> [Stored data]:
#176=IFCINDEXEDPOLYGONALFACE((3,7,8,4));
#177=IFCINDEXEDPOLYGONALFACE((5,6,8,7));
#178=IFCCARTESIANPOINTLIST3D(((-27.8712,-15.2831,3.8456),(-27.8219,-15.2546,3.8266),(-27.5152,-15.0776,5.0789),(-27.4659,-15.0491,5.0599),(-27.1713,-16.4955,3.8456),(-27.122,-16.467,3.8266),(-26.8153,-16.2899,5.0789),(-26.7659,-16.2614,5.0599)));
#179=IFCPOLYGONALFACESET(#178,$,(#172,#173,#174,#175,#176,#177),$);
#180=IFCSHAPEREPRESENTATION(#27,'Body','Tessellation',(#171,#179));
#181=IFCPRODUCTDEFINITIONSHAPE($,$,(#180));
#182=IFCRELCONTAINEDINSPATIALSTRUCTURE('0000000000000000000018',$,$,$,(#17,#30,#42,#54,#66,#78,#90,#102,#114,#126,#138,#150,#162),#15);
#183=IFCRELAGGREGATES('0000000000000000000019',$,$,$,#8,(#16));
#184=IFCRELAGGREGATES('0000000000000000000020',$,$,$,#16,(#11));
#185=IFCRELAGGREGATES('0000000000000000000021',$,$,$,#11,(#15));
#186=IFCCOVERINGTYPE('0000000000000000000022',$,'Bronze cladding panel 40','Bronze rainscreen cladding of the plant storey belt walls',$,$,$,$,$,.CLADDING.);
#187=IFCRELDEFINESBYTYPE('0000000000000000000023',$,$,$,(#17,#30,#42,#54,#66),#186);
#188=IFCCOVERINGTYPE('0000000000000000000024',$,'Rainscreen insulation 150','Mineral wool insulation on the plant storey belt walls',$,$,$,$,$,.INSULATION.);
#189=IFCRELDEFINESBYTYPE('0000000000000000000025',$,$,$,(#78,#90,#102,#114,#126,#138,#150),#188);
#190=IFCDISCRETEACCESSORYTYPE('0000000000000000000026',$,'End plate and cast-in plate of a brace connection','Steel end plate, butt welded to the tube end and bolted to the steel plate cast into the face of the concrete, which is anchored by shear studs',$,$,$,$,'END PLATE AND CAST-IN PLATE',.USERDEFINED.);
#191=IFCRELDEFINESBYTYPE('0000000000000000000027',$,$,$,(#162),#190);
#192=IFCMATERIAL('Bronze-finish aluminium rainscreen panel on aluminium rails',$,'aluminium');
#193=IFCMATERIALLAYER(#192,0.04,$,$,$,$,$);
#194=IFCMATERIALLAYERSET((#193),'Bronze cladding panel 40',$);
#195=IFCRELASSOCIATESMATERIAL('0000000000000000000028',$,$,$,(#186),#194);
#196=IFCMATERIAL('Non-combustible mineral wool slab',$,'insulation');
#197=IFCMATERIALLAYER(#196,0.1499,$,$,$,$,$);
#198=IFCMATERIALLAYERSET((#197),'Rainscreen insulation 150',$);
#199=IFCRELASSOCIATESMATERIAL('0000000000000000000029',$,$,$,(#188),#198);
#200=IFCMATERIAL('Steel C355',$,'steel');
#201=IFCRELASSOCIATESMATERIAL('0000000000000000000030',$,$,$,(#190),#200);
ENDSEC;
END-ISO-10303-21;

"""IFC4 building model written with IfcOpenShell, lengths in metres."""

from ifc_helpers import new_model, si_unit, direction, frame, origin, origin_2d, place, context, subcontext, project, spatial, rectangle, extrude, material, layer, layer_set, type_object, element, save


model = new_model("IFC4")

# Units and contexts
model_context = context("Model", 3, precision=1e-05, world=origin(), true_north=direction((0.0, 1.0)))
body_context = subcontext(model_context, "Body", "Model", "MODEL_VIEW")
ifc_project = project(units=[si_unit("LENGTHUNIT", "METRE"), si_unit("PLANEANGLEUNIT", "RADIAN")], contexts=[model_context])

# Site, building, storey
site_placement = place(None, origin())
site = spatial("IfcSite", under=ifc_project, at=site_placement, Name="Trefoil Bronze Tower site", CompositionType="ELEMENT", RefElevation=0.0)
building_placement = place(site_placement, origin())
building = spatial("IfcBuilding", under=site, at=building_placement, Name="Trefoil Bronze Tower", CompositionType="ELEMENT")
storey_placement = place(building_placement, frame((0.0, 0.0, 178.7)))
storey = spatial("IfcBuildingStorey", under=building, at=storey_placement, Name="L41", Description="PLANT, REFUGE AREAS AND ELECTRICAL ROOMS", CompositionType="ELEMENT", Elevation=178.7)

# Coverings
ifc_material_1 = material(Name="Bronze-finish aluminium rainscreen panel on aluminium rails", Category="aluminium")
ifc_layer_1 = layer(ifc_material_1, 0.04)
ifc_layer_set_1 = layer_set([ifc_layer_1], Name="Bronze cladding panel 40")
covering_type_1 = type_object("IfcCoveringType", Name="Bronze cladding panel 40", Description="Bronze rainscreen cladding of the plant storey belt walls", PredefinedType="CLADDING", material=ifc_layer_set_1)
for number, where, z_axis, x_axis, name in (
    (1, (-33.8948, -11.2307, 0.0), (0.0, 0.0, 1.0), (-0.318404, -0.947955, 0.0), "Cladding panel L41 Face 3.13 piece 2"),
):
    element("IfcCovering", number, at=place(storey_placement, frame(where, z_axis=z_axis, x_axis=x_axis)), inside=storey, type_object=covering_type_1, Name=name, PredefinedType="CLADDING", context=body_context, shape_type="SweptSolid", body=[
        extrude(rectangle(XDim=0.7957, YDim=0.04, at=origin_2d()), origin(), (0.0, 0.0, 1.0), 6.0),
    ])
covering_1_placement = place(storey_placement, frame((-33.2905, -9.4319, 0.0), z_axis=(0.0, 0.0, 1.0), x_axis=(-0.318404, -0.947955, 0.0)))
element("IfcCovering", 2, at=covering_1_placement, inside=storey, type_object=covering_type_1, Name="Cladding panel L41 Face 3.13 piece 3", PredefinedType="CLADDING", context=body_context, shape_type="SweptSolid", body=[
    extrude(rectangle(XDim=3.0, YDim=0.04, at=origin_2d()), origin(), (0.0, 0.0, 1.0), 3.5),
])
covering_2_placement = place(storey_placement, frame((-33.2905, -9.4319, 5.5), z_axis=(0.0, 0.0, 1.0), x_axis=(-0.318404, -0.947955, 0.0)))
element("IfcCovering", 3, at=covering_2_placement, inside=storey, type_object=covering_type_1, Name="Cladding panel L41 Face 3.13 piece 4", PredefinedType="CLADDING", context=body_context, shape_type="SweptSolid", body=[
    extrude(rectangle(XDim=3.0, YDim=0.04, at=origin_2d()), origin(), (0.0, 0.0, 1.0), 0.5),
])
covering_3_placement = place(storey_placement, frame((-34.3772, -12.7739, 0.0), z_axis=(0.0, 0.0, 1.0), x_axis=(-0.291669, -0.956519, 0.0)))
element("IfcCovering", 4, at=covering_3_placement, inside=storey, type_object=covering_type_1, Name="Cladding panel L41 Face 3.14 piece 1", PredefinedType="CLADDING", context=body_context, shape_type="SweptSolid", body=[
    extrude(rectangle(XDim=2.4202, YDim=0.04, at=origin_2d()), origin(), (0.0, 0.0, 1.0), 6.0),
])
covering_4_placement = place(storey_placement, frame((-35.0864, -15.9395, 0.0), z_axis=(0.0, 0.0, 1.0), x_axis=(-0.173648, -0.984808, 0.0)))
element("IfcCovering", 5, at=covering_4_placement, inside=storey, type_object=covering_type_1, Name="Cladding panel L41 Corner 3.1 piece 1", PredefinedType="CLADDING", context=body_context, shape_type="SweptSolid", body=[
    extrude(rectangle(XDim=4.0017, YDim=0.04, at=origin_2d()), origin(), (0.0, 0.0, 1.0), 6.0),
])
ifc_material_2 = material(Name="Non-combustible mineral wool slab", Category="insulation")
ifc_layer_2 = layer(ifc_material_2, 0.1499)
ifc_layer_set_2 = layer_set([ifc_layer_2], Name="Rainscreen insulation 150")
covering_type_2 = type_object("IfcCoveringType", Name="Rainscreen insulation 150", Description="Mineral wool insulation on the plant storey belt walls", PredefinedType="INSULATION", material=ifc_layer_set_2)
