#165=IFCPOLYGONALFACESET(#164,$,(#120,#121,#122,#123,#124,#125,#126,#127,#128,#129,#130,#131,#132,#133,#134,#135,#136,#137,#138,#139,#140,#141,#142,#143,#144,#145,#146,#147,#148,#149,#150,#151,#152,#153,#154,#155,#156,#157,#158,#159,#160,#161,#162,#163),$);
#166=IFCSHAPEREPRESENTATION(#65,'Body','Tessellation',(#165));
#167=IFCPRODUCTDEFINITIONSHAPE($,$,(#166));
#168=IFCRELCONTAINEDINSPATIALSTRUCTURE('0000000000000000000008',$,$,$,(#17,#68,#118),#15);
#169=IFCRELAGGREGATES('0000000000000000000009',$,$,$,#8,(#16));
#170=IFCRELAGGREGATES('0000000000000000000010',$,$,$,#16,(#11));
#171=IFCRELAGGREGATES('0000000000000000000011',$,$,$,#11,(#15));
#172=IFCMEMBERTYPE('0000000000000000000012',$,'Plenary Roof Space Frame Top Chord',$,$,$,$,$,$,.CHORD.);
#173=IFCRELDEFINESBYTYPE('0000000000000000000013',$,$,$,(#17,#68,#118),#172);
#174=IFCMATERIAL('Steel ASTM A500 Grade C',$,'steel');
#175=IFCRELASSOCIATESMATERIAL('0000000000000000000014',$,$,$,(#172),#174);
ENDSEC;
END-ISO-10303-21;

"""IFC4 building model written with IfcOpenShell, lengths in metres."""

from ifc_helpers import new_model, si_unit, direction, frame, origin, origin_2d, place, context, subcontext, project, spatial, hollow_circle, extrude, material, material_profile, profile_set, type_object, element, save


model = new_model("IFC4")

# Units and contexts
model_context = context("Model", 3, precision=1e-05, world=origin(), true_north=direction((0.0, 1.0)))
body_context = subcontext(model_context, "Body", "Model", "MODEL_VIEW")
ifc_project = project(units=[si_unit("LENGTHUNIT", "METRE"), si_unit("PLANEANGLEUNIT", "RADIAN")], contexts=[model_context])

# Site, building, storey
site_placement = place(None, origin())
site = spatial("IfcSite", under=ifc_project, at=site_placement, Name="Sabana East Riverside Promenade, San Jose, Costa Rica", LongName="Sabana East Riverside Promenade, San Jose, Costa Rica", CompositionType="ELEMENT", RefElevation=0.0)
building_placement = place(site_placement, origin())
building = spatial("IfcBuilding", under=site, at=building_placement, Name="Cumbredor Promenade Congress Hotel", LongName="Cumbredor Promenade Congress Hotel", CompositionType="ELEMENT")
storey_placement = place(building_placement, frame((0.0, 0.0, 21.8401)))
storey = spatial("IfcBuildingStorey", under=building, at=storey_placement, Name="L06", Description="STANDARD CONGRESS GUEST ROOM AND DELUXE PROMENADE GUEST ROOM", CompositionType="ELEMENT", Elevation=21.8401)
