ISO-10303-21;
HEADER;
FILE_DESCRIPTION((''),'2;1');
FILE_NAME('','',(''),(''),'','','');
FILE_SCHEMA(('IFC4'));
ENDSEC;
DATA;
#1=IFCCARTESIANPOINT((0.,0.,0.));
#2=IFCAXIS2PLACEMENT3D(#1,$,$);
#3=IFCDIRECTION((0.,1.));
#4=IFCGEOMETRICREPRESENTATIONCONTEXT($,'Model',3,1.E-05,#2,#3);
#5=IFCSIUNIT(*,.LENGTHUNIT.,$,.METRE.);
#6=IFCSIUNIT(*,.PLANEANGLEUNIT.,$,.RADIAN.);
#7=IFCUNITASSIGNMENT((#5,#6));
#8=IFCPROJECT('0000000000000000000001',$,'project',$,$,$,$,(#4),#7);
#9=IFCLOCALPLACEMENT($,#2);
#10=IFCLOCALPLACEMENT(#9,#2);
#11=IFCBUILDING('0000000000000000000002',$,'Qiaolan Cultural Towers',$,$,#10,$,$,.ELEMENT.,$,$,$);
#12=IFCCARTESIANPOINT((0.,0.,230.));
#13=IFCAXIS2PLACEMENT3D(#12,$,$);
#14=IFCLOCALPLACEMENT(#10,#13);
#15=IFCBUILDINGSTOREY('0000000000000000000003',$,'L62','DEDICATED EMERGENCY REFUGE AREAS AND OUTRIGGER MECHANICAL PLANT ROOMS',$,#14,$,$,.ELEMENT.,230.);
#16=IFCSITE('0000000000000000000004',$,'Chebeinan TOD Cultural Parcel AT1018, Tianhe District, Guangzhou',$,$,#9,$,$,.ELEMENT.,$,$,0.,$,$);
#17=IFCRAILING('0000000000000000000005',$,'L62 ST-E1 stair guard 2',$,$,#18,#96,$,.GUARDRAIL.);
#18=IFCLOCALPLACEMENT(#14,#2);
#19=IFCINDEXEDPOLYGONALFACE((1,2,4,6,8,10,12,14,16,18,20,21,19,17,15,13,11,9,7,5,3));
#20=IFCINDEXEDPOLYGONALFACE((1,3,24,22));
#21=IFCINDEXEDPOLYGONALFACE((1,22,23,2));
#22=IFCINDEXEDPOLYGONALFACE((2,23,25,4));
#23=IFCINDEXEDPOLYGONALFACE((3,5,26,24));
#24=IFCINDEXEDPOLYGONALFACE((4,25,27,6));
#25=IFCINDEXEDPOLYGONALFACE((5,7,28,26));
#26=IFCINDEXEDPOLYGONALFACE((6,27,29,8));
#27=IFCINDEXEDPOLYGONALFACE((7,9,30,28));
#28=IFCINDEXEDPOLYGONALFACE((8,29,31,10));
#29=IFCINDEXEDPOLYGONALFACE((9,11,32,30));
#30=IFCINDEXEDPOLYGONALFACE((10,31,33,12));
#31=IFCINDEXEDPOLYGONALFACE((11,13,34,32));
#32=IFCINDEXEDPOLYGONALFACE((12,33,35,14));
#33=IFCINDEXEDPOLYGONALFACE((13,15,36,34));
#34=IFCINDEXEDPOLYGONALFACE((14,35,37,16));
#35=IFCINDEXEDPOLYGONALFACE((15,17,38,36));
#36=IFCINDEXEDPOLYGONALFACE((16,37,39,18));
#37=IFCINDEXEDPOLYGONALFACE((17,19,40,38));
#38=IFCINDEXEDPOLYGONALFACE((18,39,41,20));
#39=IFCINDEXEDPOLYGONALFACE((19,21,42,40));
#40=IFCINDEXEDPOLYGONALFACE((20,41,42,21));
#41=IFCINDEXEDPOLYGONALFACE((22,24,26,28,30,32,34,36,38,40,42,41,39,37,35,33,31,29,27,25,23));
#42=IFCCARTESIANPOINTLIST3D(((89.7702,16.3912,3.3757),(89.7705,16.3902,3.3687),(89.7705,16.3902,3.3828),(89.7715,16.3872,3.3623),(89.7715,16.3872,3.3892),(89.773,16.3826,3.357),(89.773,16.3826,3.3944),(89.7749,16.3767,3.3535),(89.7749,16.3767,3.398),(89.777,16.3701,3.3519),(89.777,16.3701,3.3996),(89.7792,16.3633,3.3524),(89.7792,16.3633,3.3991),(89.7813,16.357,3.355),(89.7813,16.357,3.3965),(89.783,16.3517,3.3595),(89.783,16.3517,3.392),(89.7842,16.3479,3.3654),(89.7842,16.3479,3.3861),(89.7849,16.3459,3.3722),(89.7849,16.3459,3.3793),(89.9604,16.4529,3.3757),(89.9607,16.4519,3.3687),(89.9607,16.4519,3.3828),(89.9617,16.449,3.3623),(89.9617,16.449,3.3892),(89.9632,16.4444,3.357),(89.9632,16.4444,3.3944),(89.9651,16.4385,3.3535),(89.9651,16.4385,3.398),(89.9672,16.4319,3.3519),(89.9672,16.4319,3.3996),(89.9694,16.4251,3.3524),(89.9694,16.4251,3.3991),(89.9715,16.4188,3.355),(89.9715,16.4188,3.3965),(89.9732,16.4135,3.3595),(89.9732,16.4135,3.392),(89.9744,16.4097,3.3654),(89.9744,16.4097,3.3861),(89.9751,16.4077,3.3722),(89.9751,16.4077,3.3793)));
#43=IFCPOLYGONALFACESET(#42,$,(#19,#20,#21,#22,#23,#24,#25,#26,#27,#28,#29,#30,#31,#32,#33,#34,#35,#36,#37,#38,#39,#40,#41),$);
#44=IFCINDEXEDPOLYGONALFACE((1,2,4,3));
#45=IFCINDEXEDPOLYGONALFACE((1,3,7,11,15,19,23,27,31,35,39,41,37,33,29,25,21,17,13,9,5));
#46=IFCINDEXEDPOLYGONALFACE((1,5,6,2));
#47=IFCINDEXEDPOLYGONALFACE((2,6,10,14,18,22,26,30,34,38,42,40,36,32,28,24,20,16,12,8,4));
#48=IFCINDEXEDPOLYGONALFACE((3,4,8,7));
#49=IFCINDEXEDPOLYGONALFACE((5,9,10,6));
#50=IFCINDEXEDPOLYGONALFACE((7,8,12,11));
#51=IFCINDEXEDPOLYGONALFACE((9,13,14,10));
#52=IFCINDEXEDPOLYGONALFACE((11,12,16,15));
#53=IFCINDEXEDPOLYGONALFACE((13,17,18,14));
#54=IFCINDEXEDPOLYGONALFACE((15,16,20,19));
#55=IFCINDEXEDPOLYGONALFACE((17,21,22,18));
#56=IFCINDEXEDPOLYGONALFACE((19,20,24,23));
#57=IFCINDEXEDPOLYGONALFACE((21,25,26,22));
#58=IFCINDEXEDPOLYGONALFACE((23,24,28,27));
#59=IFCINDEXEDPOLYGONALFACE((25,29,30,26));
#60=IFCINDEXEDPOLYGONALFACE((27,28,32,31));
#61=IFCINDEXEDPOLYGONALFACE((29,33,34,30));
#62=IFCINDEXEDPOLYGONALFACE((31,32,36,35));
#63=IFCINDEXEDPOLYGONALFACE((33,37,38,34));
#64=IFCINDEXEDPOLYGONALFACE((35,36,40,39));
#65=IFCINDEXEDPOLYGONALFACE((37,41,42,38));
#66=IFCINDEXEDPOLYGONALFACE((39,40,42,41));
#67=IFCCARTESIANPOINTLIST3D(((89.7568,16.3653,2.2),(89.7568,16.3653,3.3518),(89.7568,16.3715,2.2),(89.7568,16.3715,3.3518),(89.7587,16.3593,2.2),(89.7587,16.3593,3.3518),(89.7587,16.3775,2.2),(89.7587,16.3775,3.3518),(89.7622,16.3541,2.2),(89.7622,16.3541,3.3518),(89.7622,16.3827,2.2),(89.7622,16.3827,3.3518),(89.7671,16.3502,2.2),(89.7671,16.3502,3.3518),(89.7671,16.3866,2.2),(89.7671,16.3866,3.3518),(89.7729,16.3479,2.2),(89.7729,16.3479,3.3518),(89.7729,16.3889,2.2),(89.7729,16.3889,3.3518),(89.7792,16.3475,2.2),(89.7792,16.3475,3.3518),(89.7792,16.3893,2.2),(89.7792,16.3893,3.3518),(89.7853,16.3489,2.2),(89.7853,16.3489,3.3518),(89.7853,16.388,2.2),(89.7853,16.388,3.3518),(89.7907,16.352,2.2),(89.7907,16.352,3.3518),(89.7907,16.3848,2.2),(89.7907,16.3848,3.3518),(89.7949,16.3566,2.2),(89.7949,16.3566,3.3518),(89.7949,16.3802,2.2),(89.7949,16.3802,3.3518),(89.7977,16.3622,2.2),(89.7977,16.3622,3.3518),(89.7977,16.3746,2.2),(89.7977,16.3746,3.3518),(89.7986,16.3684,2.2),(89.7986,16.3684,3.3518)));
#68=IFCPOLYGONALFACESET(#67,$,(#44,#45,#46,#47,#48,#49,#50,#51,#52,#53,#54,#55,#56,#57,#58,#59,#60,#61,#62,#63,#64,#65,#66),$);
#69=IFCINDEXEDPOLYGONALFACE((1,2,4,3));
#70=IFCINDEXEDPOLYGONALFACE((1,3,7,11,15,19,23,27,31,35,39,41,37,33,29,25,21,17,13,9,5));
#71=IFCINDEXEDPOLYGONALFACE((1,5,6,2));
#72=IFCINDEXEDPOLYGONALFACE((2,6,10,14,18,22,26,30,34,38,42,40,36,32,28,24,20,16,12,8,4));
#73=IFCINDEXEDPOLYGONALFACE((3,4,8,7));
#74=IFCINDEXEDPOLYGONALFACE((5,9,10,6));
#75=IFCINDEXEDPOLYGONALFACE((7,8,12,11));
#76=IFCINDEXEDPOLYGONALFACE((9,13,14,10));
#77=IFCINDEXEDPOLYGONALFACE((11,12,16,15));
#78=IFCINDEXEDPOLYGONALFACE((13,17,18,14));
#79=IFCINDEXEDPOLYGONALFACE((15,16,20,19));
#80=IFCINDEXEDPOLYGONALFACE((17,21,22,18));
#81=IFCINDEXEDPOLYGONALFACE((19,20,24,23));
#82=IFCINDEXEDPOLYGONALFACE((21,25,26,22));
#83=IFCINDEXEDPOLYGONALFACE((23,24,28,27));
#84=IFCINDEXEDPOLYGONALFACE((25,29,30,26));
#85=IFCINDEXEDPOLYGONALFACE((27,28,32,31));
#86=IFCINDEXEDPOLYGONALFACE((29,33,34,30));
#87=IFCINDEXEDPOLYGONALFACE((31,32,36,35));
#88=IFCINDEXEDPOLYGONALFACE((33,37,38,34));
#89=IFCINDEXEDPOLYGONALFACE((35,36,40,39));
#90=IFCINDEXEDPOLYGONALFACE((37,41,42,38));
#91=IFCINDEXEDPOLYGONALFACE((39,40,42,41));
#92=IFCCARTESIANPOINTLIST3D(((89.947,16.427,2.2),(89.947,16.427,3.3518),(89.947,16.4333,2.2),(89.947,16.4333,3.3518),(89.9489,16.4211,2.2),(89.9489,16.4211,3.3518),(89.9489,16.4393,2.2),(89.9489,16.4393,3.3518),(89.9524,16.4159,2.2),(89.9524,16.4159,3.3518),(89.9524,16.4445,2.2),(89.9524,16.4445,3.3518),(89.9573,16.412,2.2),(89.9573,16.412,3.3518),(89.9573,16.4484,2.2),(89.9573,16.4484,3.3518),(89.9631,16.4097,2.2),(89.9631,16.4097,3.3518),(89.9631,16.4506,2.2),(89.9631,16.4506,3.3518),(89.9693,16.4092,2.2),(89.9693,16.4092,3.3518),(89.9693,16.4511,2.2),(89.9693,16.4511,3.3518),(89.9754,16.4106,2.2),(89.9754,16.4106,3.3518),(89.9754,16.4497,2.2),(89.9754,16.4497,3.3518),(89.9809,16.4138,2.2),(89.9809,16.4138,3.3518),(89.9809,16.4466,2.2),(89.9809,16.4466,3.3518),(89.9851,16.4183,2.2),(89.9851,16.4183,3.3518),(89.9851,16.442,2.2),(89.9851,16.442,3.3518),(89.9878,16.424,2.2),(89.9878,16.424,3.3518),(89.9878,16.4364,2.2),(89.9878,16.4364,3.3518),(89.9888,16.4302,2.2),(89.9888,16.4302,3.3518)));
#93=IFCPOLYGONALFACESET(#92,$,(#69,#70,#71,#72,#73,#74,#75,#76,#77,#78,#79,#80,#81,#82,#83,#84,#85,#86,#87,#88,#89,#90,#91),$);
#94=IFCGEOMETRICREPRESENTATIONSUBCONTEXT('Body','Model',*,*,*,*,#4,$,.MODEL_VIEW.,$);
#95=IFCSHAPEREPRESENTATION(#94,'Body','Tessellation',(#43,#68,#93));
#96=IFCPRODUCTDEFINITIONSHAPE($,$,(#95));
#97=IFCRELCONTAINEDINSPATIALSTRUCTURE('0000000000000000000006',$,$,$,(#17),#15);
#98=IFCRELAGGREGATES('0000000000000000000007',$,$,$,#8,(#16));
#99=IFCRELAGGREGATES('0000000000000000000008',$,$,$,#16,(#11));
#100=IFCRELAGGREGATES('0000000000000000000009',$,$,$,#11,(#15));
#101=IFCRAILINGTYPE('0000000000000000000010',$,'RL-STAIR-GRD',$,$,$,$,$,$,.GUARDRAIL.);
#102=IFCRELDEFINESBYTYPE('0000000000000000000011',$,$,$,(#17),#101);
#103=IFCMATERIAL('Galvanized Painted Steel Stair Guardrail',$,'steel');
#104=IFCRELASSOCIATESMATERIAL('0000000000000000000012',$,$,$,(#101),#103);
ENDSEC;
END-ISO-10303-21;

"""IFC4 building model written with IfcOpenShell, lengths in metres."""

from ifc_helpers import new_model, si_unit, direction, frame, origin, origin_2d, place, context, subcontext, project, spatial, circle, extrude, material, type_object, element, save


model = new_model("IFC4")

# Units and contexts
model_context = context("Model", 3, precision=1e-05, world=origin(), true_north=direction((0.0, 1.0)))
body_context = subcontext(model_context, "Body", "Model", "MODEL_VIEW")
ifc_project = project(units=[si_unit("LENGTHUNIT", "METRE"), si_unit("PLANEANGLEUNIT", "RADIAN")], contexts=[model_context])

# Site, building, storey
site_placement = place(None, origin())
site = spatial("IfcSite", under=ifc_project, at=site_placement, Name="Chebeinan TOD Cultural Parcel AT1018, Tianhe District, Guangzhou", CompositionType="ELEMENT", RefElevation=0.0)
building_placement = place(site_placement, origin())
building = spatial("IfcBuilding", under=site, at=building_placement, Name="Qiaolan Cultural Towers", CompositionType="ELEMENT")
storey_placement = place(building_placement, frame((0.0, 0.0, 230.0)))
storey = spatial("IfcBuildingStorey", under=building, at=storey_placement, Name="L62", Description="DEDICATED EMERGENCY REFUGE AREAS AND OUTRIGGER MECHANICAL PLANT ROOMS", CompositionType="ELEMENT", Elevation=230.0)

# Railing
ifc_material_1 = material(Name="Galvanized Painted Steel Stair Guardrail", Category="steel")
railing_type_1 = type_object("IfcRailingType", Name="RL-STAIR-GRD", PredefinedType="GUARDRAIL", material=ifc_material_1)
railing_1_placement = place(storey_placement, frame((89.7776, 16.3684, 2.2)))
element("IfcRailing", 1, at=railing_1_placement, inside=storey, type_object=railing_type_1, Name="L62 ST-E1 stair guard 2", PredefinedType="GUARDRAIL", context=body_context, shape_type="SweptSolid", body=[
    extrude(circle(Radius=0.0239, at=origin_2d()), frame((0.0, 0.0, 1.1758), z_axis=(0.951097, 0.308893, 0.0), x_axis=(-0.308893, 0.951097, 0.0)), (0.0, 0.0, 1.0), 0.2),
    extrude(circle(Radius=0.021, at=origin_2d()), origin(), (0.0, 0.0, 1.0), 1.1519),
    extrude(circle(Radius=0.021, at=origin_2d()), frame((0.1902, 0.0618, 0.0)), (0.0, 0.0, 1.0), 1.1519),
])

save(model, "model.ifc")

> [WHAT IS BEING ASKED]:
Your task is to gather all lines from the entries above that hold the word "IFCRELDEFINESBYTYPE".

> [ANSWER SPACE]:
#187=IFCRELDEFINESBYTYPE('0000000000000000000023',$,$,$,(#17,#30,#42,#54,#66),#186);
#189=IFCRELDEFINESBYTYPE('0000000000000000000025',$,$,$,(#78,#90,#102,#114,#126,#138,#150),#188);
#191=IFCRELDEFINESBYTYPE('0000000000000000000027',$,$,$,(#162),#190);
#173=IFCRELDEFINESBYTYPE('0000000000000000000013',$,$,$,(#17,#68,#118),#172);
#102=IFCRELDEFINESBYTYPE('0000000000000000000011',$,$,$,(#17),#101);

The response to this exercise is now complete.